Saved entries

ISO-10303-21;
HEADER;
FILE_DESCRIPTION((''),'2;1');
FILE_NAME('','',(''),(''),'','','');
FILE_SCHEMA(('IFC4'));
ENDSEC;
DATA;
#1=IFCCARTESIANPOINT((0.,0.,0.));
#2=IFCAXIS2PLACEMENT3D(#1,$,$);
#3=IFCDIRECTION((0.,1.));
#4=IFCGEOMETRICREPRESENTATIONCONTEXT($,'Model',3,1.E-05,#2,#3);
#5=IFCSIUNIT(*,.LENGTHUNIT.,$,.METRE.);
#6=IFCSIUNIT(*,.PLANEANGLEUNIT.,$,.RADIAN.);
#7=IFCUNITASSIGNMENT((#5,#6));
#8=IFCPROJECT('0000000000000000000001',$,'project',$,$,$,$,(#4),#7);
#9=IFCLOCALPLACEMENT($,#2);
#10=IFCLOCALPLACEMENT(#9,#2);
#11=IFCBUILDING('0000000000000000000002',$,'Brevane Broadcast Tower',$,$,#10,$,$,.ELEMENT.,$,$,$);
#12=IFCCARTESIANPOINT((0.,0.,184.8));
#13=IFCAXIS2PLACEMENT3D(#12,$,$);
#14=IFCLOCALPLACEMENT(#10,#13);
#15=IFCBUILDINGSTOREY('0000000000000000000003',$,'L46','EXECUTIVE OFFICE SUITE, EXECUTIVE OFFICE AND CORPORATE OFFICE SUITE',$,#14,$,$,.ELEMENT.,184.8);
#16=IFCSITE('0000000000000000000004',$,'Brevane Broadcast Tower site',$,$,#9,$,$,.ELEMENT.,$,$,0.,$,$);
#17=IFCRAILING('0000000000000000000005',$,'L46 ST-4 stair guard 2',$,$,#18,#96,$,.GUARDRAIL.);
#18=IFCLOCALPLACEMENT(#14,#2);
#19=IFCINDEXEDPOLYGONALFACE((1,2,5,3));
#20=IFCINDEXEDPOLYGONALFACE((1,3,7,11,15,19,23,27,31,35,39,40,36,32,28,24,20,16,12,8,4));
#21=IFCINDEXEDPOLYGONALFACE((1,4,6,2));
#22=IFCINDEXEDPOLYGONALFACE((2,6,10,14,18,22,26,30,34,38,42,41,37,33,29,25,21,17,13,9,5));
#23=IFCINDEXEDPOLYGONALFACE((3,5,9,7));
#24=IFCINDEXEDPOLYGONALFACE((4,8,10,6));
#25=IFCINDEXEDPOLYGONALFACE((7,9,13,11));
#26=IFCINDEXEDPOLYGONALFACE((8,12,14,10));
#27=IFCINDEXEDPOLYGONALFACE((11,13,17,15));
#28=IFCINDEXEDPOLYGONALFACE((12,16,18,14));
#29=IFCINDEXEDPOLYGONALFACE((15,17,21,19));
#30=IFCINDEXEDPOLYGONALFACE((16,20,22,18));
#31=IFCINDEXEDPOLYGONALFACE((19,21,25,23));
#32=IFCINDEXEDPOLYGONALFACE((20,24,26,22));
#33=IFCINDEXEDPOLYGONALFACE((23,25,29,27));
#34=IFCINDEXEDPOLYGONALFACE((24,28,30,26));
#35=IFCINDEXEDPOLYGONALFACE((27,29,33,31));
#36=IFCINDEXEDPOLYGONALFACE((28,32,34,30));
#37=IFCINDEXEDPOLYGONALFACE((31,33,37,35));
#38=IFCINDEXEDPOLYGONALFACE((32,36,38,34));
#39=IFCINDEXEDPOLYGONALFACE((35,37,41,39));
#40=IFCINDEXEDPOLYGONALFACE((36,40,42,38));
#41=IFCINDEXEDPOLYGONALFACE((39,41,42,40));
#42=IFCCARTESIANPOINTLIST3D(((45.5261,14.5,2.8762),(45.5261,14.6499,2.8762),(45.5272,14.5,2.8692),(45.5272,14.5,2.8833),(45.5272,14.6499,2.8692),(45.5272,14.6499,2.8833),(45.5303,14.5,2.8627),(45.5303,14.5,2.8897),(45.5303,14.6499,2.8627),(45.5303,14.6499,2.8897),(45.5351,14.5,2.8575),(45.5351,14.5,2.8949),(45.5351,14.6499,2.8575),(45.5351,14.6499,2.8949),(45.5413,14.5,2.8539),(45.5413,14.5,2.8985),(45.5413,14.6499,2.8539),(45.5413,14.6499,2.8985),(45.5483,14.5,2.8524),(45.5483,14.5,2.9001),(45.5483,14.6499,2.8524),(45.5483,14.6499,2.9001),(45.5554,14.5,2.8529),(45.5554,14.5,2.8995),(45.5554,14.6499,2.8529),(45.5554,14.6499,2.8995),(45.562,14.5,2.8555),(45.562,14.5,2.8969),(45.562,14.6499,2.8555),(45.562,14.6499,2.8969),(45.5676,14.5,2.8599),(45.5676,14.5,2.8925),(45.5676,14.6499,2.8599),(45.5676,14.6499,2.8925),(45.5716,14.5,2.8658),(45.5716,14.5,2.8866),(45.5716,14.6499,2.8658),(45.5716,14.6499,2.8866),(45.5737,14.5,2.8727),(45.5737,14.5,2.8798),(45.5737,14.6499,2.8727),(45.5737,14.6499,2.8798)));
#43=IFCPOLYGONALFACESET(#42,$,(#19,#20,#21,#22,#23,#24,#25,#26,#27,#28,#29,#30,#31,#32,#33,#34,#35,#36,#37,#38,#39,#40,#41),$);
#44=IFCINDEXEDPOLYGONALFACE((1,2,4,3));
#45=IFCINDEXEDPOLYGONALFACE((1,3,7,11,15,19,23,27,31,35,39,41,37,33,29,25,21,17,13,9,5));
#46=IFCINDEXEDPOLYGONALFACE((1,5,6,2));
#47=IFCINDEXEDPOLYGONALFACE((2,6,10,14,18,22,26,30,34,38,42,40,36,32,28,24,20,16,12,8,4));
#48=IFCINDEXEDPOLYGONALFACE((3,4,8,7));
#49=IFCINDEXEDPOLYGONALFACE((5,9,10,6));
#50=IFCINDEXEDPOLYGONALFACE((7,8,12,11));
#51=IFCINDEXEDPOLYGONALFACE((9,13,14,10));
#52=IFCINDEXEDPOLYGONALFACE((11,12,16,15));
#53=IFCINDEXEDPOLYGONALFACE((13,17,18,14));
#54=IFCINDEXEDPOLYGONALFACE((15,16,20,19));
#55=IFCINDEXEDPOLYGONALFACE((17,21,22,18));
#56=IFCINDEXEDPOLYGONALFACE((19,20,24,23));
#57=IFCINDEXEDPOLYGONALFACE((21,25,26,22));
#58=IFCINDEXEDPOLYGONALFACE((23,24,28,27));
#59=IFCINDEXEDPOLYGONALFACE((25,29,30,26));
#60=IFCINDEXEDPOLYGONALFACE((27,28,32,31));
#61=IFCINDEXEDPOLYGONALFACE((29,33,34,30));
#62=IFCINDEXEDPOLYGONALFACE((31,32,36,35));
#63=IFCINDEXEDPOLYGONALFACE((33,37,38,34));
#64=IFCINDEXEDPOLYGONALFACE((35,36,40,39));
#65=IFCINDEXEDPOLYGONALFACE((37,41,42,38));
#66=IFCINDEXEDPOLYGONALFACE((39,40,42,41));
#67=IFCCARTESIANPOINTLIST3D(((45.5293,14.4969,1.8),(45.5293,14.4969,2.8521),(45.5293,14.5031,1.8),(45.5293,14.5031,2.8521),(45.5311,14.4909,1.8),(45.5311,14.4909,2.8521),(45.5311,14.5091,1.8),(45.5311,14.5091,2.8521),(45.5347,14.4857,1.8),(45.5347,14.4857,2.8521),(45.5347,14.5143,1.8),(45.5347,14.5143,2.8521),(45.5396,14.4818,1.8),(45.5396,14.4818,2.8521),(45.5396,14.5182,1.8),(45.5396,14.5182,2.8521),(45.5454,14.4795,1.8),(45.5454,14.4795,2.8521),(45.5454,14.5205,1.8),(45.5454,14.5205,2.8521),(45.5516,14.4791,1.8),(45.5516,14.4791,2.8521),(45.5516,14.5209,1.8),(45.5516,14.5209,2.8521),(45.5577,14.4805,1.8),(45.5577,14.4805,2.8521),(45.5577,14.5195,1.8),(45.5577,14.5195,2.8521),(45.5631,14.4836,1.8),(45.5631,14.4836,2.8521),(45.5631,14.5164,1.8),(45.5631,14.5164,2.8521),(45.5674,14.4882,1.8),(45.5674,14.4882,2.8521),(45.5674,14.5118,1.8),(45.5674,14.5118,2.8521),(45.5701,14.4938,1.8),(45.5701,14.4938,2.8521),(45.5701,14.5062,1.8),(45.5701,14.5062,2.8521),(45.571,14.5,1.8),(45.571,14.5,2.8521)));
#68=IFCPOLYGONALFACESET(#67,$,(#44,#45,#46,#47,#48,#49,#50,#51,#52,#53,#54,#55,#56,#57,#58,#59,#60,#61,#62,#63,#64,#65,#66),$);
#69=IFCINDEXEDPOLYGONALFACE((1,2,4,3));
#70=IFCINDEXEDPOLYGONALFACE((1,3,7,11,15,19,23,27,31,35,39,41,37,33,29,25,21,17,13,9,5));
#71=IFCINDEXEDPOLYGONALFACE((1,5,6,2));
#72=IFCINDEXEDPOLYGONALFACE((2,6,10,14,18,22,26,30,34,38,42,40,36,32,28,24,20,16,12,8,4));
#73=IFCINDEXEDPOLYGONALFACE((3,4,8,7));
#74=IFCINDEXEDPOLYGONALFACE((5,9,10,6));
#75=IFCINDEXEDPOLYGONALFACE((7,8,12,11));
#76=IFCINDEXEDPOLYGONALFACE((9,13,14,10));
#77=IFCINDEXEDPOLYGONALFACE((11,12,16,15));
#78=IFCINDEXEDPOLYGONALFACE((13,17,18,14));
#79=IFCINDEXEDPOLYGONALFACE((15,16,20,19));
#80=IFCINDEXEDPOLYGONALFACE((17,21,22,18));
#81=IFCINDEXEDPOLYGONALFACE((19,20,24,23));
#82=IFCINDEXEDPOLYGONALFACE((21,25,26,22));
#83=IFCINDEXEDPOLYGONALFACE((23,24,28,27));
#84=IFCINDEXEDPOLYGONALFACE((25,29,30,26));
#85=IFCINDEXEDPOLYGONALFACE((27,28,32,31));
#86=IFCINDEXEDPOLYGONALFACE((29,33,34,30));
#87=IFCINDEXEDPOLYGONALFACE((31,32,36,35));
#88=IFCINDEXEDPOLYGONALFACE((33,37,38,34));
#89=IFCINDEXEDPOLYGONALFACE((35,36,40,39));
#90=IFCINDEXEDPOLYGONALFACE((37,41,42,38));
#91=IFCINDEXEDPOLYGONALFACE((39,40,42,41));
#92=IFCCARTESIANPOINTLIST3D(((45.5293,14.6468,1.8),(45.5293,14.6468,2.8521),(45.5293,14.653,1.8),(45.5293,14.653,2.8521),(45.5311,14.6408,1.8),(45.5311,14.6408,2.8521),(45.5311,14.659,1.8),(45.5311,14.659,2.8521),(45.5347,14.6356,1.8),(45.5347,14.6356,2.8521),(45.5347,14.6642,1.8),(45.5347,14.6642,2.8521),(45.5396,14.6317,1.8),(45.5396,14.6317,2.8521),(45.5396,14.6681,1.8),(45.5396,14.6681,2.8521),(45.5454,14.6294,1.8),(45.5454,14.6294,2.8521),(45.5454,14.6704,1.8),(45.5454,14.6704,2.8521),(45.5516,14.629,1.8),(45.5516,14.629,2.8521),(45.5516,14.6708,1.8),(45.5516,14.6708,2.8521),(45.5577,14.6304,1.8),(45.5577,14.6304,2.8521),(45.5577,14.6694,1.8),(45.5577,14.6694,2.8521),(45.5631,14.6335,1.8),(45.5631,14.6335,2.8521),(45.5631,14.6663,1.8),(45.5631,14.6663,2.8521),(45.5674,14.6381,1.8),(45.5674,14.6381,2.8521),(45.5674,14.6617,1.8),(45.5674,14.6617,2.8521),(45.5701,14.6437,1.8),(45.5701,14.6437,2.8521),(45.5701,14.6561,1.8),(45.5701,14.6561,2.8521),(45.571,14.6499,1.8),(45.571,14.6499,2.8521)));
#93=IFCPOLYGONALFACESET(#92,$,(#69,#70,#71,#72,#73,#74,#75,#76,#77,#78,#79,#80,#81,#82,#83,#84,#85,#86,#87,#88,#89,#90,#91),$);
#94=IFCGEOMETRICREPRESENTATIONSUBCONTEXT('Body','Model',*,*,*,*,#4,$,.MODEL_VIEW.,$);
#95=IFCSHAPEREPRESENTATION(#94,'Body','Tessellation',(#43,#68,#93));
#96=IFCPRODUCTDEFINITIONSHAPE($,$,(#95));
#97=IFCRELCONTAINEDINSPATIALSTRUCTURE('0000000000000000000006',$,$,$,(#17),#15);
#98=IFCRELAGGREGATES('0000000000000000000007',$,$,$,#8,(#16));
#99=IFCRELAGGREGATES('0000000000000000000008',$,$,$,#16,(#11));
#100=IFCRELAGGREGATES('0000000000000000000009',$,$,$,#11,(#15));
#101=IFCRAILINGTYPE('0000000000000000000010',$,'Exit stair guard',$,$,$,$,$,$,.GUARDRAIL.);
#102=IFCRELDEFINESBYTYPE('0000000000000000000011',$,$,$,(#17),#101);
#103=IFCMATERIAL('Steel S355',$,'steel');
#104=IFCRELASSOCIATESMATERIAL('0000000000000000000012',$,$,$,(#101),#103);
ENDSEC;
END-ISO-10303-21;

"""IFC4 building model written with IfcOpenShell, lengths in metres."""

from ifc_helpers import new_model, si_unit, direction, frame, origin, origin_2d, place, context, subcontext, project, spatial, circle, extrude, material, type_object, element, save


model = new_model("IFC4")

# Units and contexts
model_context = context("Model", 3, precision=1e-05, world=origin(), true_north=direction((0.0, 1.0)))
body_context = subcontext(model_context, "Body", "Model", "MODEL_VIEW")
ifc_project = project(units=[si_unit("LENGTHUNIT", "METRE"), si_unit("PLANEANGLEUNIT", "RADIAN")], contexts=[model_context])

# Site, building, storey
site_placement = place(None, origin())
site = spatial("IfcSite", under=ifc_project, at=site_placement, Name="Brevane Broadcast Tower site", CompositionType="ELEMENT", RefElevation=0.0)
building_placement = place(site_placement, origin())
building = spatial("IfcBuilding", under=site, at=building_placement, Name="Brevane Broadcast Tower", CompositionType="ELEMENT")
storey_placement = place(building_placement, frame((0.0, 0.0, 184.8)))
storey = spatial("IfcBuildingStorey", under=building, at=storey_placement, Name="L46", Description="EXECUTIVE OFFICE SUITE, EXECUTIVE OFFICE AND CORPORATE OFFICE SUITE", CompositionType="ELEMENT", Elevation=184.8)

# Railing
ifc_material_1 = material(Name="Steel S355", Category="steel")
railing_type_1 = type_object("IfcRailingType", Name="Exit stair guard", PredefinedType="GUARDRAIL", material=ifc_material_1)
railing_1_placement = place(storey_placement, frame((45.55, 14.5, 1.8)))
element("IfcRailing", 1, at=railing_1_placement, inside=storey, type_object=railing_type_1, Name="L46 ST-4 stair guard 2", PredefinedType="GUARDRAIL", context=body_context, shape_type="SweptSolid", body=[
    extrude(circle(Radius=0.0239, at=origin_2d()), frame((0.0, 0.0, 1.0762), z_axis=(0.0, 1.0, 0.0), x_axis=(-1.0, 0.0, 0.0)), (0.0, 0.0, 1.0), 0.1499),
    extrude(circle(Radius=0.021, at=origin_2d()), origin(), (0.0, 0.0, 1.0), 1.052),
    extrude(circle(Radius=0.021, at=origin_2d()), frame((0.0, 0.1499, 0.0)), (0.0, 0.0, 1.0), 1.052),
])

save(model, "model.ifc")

• WORK REQUEST:
The range runs from the line above containing "#18=IFCLOCALPLACEMENT(#14,#2);" to the line containing "#21=IFCINDEXEDPOLYGONALFACE((1,4,6,2));", inclusive. Restate those lines word for word and no others.

• RESPONSE TO THIS EXERCISE:
#18=IFCLOCALPLACEMENT(#14,#2);
#19=IFCINDEXEDPOLYGONALFACE((1,2,5,3));
#20=IFCINDEXEDPOLYGONALFACE((1,3,7,11,15,19,23,27,31,35,39,40,36,32,28,24,20,16,12,8,4));
#21=IFCINDEXEDPOLYGONALFACE((1,4,6,2));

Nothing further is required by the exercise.